(Exercise directions):
In the entries below, find the line with "#47=IFCINDEXEDPOLYGONALFACE((51,55,56,52));" and print exactly every line from there up to and including the line with "#54=IFCINDEXEDPOLYGONALFACE((65,66,68,67));", with no other lines.
====== Study material ======
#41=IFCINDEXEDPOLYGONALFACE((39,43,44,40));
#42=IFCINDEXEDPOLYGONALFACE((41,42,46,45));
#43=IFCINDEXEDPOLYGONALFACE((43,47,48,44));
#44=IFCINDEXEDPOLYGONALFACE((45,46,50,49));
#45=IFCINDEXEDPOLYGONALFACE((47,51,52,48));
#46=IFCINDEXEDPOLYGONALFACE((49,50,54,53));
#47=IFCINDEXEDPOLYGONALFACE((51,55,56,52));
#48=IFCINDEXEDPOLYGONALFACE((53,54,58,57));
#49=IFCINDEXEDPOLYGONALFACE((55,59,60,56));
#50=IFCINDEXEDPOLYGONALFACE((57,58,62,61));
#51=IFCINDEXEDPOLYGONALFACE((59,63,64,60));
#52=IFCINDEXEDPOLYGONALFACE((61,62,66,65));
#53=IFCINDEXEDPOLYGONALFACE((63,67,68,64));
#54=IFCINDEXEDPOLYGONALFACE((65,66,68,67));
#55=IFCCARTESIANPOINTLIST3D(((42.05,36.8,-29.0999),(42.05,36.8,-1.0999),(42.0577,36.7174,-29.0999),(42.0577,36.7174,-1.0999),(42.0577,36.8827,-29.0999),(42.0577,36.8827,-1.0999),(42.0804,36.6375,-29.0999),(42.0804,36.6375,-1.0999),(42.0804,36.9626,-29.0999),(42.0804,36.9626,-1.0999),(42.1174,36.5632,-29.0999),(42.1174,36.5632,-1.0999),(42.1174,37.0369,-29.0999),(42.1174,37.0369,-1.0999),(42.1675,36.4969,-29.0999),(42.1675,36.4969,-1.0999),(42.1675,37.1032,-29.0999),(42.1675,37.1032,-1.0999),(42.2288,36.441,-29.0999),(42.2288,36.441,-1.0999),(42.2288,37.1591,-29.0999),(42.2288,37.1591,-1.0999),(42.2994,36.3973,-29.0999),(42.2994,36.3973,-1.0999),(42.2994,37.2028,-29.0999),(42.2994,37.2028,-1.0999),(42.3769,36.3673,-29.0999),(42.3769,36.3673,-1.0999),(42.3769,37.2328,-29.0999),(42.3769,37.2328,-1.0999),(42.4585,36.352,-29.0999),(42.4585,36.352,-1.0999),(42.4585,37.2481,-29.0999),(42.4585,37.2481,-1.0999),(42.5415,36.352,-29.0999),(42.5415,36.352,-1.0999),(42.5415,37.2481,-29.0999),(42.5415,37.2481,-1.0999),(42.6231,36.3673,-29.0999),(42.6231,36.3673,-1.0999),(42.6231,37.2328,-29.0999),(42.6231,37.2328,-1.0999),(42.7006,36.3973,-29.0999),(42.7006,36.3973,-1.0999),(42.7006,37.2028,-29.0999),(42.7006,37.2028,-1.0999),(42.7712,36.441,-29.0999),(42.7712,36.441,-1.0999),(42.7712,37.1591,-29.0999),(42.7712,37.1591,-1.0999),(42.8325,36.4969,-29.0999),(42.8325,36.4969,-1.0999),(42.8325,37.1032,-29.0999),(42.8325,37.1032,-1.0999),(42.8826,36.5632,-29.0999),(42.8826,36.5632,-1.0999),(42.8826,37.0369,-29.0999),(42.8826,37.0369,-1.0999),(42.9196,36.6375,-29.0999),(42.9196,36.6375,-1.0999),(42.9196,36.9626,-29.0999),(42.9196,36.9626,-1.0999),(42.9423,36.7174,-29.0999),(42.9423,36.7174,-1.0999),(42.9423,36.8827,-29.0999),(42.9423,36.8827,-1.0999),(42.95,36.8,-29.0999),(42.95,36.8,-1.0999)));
======
(Your response):
#47=IFCINDEXEDPOLYGONALFACE((51,55,56,52));
#48=IFCINDEXEDPOLYGONALFACE((53,54,58,57));
#49=IFCINDEXEDPOLYGONALFACE((55,59,60,56));
#50=IFCINDEXEDPOLYGONALFACE((57,58,62,61));
#51=IFCINDEXEDPOLYGONALFACE((59,63,64,60));
#52=IFCINDEXEDPOLYGONALFACE((61,62,66,65));
#53=IFCINDEXEDPOLYGONALFACE((63,67,68,64));
#54=IFCINDEXEDPOLYGONALFACE((65,66,68,67));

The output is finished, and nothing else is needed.